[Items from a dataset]
'''
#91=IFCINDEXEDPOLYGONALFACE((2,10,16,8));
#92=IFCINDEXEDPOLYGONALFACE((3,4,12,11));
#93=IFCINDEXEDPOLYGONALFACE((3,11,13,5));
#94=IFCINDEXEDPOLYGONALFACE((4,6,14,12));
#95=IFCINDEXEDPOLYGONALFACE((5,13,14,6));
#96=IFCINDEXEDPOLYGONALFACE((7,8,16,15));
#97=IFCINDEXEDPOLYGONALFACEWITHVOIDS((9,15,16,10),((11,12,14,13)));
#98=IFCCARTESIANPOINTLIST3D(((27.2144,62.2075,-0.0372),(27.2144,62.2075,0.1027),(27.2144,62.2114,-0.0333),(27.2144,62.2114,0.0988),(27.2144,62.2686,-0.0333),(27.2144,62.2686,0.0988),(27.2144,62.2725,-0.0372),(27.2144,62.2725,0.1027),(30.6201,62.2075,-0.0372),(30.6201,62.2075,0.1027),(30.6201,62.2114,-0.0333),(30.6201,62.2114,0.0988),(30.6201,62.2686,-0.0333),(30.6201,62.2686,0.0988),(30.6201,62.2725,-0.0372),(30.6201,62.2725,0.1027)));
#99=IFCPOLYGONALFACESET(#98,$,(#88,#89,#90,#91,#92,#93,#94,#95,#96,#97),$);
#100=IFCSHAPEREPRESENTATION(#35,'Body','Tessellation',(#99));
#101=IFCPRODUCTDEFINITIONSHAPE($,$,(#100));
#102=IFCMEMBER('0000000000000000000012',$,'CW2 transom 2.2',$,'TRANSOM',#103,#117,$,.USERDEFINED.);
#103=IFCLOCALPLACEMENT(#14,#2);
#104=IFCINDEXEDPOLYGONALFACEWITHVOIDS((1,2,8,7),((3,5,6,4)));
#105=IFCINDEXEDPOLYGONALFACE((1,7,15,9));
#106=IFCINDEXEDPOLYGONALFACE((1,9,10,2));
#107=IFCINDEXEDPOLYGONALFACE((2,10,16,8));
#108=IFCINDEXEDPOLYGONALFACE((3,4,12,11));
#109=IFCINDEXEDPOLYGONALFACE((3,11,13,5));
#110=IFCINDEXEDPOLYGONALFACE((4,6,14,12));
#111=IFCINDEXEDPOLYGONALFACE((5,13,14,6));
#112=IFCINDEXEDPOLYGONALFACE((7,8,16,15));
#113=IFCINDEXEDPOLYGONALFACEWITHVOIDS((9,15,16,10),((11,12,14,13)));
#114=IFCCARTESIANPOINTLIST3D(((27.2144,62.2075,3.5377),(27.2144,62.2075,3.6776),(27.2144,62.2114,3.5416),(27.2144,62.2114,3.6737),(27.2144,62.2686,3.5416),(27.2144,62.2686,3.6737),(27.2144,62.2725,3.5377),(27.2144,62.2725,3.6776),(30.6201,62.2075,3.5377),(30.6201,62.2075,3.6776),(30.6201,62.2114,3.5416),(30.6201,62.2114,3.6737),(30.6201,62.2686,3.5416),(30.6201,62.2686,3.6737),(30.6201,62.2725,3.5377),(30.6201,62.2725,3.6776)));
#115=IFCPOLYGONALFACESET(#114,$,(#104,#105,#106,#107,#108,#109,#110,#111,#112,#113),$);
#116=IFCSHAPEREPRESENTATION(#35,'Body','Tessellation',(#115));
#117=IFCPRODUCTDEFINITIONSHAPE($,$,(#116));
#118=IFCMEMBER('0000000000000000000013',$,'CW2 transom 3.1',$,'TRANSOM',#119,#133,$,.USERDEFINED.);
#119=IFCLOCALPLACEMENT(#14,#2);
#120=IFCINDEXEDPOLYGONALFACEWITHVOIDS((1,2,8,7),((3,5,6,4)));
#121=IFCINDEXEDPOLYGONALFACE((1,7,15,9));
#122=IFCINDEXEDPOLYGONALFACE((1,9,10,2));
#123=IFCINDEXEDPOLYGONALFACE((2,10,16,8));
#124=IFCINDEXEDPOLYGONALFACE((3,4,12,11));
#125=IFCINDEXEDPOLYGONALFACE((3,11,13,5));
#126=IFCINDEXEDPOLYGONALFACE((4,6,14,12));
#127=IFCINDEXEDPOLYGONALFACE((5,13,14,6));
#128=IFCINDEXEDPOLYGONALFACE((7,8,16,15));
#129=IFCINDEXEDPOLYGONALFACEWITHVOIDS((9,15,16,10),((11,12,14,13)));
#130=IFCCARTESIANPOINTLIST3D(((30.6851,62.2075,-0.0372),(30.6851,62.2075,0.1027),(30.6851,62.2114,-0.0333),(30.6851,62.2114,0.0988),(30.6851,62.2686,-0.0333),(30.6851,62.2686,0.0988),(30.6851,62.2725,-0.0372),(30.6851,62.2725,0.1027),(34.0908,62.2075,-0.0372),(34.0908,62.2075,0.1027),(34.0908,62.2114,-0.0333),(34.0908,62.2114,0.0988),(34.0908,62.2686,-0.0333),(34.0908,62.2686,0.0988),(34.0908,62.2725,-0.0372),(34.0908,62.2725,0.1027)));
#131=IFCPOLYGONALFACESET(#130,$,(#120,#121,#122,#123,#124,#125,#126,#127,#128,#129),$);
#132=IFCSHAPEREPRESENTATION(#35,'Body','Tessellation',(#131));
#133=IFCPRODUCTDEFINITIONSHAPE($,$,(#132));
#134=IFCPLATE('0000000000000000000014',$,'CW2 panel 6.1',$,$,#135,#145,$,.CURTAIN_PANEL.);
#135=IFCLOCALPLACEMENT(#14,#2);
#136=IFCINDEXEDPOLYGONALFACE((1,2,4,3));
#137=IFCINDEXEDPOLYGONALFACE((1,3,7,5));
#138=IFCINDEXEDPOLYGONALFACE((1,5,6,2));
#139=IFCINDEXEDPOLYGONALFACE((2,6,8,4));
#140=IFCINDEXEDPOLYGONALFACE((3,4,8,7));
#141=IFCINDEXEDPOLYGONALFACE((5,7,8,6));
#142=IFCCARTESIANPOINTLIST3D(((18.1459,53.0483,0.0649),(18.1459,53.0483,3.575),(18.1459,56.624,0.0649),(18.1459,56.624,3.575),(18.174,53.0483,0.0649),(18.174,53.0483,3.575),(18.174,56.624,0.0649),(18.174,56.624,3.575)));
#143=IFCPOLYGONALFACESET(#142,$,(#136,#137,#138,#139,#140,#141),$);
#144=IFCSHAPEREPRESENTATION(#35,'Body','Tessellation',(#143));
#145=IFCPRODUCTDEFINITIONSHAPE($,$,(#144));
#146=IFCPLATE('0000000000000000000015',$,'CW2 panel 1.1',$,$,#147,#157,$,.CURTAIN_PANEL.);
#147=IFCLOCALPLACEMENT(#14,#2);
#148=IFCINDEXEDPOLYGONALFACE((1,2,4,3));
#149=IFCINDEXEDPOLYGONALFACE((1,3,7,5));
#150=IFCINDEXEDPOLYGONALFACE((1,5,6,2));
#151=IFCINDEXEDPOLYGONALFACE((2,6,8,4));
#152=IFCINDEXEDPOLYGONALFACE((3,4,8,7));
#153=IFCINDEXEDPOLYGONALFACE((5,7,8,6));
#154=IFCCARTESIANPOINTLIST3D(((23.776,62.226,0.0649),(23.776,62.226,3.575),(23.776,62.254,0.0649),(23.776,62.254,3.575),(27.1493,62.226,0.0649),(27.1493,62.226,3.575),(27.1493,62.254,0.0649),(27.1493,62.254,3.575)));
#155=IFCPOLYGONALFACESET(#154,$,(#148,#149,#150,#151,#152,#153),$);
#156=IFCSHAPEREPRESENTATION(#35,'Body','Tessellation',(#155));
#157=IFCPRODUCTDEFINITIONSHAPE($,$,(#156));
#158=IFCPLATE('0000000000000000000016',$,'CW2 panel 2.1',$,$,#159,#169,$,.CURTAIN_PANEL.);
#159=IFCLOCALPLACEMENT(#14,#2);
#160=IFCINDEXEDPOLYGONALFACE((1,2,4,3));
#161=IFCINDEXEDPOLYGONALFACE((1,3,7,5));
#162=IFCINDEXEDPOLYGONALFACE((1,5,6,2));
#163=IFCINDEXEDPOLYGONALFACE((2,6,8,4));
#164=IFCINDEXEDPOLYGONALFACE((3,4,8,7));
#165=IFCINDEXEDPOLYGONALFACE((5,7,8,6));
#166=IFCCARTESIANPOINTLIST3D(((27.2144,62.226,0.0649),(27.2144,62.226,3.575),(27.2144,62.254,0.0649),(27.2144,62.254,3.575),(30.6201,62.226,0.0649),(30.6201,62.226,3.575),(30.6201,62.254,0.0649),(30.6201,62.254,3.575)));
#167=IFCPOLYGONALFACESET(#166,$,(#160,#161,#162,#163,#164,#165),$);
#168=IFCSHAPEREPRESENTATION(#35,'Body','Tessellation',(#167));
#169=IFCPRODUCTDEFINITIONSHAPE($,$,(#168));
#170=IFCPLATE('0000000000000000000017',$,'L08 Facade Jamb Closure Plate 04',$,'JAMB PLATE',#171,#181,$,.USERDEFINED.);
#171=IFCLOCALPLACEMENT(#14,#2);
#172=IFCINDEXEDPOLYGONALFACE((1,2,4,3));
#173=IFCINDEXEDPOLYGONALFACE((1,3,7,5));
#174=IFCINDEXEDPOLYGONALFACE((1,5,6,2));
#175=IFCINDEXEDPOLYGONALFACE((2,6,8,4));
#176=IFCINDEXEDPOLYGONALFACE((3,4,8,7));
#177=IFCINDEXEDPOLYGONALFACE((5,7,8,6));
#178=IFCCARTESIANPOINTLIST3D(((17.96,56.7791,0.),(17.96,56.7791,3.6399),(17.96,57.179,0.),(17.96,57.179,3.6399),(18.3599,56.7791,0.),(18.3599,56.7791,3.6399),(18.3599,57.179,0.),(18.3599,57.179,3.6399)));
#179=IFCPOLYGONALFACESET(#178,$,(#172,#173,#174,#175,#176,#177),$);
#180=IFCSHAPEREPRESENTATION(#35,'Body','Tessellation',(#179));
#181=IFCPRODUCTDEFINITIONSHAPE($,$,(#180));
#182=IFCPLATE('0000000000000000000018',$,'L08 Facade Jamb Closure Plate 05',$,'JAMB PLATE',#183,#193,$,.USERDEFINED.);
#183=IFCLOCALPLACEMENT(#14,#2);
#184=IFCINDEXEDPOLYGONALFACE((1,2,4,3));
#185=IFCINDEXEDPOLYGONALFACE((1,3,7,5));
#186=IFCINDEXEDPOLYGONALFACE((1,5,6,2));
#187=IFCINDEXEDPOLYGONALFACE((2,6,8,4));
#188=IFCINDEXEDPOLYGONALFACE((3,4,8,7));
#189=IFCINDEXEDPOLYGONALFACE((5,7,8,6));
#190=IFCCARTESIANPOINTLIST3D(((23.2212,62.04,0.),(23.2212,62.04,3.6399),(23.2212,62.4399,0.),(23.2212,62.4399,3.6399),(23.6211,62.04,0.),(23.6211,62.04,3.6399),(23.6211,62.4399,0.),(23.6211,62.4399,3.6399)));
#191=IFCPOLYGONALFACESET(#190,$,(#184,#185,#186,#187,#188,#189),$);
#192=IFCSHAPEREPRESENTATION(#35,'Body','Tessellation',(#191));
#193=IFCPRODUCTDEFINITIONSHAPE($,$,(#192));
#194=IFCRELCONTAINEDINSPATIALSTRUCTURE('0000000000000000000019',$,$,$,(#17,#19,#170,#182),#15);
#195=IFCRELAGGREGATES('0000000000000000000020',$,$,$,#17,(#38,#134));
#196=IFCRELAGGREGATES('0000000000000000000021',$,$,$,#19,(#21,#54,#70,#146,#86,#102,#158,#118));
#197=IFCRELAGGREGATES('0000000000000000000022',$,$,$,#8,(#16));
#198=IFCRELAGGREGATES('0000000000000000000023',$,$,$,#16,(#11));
'''
> ASSIGNMENT: Look through the data above for the word "Jamb". Report each line where it occurs.

> RESULT OF THE TASK:
#170=IFCPLATE('0000000000000000000017',$,'L08 Facade Jamb Closure Plate 04',$,'JAMB PLATE',#171,#181,$,.USERDEFINED.);
#182=IFCPLATE('0000000000000000000018',$,'L08 Facade Jamb Closure Plate 05',$,'JAMB PLATE',#183,#193,$,.USERDEFINED.);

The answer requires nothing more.